> **Work instructions**
Which lines in the records below contain the word "IFCPOLYGONALFACESET"? Copy each one out.

> **Supplied data**
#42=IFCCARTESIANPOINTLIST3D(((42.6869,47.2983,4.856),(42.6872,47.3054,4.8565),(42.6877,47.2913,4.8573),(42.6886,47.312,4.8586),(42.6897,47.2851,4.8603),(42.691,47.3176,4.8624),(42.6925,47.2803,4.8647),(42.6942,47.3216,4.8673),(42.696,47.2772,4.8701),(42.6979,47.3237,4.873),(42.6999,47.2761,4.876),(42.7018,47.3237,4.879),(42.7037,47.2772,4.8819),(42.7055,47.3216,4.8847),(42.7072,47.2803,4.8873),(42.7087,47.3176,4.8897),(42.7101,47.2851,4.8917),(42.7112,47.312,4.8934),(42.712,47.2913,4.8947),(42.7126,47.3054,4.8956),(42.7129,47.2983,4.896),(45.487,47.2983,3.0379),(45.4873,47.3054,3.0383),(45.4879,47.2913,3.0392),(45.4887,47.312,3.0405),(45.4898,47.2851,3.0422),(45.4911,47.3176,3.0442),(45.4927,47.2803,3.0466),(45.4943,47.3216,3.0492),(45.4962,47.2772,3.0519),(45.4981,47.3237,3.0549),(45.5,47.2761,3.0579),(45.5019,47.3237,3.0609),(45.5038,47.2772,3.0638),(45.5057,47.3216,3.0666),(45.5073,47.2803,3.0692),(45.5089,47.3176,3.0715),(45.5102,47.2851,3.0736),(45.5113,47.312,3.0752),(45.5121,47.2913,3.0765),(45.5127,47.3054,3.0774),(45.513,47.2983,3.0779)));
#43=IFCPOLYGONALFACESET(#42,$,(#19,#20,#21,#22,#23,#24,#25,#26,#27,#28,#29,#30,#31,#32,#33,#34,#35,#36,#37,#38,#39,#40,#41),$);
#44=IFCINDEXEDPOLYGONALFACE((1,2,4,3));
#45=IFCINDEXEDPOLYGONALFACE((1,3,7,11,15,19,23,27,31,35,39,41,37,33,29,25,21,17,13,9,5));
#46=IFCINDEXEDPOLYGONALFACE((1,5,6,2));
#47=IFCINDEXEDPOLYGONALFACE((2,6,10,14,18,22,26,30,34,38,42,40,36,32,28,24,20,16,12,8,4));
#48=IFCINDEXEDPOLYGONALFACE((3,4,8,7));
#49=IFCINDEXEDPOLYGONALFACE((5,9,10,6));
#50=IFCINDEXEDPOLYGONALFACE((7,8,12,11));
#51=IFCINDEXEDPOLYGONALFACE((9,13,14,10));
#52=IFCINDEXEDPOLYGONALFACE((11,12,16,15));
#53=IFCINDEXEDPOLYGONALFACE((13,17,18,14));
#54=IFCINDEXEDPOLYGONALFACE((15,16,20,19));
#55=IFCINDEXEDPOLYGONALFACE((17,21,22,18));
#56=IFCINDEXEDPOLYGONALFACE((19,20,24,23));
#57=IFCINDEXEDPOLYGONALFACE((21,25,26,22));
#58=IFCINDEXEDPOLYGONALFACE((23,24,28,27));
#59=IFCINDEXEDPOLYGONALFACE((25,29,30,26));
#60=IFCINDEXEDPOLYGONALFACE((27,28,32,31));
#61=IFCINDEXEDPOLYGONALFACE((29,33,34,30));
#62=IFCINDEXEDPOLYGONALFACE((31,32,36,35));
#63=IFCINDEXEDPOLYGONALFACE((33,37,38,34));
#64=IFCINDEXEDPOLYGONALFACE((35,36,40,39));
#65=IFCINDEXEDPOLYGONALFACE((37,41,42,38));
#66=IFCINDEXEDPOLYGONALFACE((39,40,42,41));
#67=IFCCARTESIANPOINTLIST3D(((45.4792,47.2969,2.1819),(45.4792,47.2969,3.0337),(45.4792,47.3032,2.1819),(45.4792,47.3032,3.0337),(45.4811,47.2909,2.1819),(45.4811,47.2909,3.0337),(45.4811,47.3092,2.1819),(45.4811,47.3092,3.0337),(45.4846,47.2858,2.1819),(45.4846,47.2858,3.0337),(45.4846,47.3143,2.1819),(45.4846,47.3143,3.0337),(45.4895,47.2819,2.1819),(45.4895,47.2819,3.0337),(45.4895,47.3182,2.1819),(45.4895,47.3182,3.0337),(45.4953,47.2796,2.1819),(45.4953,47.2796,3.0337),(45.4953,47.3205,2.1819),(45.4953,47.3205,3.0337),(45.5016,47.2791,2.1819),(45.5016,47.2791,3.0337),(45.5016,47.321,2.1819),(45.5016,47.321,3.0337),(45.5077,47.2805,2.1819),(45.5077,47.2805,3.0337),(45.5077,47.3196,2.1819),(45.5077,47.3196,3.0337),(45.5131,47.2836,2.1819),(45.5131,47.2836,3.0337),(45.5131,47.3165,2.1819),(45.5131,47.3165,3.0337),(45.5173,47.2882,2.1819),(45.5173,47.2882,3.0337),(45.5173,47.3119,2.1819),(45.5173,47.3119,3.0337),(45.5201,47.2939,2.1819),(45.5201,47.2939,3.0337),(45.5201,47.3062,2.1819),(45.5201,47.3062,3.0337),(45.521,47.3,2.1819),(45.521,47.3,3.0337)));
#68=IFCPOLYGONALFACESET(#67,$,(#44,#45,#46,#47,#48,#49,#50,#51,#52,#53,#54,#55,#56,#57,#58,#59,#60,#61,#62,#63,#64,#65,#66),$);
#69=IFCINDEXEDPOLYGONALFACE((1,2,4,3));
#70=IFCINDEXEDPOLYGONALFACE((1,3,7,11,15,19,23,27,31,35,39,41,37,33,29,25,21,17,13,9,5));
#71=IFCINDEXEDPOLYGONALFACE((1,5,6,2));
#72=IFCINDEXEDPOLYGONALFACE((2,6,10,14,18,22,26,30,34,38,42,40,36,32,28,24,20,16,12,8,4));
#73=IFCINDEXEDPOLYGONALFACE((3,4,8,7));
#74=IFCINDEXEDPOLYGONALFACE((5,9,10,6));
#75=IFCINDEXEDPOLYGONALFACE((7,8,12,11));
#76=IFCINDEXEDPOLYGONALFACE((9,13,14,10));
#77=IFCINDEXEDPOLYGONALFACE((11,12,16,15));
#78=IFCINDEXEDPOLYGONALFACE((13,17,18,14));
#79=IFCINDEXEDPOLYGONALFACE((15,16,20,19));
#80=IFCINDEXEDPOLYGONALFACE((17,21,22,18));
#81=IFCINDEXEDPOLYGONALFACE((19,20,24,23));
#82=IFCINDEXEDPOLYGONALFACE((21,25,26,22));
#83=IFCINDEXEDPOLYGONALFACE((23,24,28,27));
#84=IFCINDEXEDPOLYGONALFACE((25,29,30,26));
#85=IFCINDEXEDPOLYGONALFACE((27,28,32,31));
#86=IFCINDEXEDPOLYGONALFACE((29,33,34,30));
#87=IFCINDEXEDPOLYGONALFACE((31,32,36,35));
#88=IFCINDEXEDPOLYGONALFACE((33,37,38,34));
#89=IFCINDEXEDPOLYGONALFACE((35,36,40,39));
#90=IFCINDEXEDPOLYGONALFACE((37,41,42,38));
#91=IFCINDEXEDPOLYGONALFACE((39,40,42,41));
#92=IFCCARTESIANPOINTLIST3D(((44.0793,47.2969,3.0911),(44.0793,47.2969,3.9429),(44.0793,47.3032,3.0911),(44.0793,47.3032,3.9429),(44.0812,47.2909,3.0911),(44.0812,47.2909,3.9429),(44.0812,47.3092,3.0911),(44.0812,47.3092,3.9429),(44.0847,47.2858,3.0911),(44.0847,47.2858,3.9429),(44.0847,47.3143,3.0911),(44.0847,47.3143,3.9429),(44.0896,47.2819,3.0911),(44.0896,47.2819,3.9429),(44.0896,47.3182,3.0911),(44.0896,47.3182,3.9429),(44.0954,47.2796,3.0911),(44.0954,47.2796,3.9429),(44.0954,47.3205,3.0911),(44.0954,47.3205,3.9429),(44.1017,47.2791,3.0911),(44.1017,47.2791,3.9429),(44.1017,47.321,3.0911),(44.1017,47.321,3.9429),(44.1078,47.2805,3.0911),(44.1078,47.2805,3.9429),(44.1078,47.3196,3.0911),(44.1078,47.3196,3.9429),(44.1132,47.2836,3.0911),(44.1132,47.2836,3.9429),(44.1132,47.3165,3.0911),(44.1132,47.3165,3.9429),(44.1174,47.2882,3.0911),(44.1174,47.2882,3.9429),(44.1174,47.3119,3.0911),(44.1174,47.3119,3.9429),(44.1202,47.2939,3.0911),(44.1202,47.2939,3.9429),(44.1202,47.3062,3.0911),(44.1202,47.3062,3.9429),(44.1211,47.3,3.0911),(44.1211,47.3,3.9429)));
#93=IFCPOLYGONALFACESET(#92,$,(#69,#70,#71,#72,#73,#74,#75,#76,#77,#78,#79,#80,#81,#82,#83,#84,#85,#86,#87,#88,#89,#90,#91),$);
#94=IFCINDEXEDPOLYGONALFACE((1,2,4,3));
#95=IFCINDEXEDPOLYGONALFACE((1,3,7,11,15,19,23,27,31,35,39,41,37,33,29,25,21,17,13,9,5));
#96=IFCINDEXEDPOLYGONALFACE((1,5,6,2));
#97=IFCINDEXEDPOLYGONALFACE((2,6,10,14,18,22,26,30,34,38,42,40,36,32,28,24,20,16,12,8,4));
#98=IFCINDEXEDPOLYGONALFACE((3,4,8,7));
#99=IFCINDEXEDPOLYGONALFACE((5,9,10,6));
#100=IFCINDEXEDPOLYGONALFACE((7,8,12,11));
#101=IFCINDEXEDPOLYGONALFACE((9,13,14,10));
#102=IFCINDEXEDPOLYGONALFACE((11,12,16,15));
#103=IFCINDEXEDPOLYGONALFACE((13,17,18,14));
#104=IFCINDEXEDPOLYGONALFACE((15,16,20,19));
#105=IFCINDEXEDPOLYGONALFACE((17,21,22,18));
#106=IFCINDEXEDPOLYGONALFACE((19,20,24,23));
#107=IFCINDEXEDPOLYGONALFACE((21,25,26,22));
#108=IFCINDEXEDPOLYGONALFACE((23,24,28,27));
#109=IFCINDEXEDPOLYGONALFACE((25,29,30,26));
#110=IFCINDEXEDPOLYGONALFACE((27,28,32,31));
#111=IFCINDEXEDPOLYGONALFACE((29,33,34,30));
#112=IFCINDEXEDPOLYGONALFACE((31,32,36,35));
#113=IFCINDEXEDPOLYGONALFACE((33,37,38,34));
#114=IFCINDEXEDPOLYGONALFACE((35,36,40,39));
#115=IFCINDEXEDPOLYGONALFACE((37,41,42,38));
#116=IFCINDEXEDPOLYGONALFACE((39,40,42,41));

> **Answer to the exercise**
#43=IFCPOLYGONALFACESET(#42,$,(#19,#20,#21,#22,#23,#24,#25,#26,#27,#28,#29,#30,#31,#32,#33,#34,#35,#36,#37,#38,#39,#40,#41),$);
#68=IFCPOLYGONALFACESET(#67,$,(#44,#45,#46,#47,#48,#49,#50,#51,#52,#53,#54,#55,#56,#57,#58,#59,#60,#61,#62,#63,#64,#65,#66),$);
#93=IFCPOLYGONALFACESET(#92,$,(#69,#70,#71,#72,#73,#74,#75,#76,#77,#78,#79,#80,#81,#82,#83,#84,#85,#86,#87,#88,#89,#90,#91),$);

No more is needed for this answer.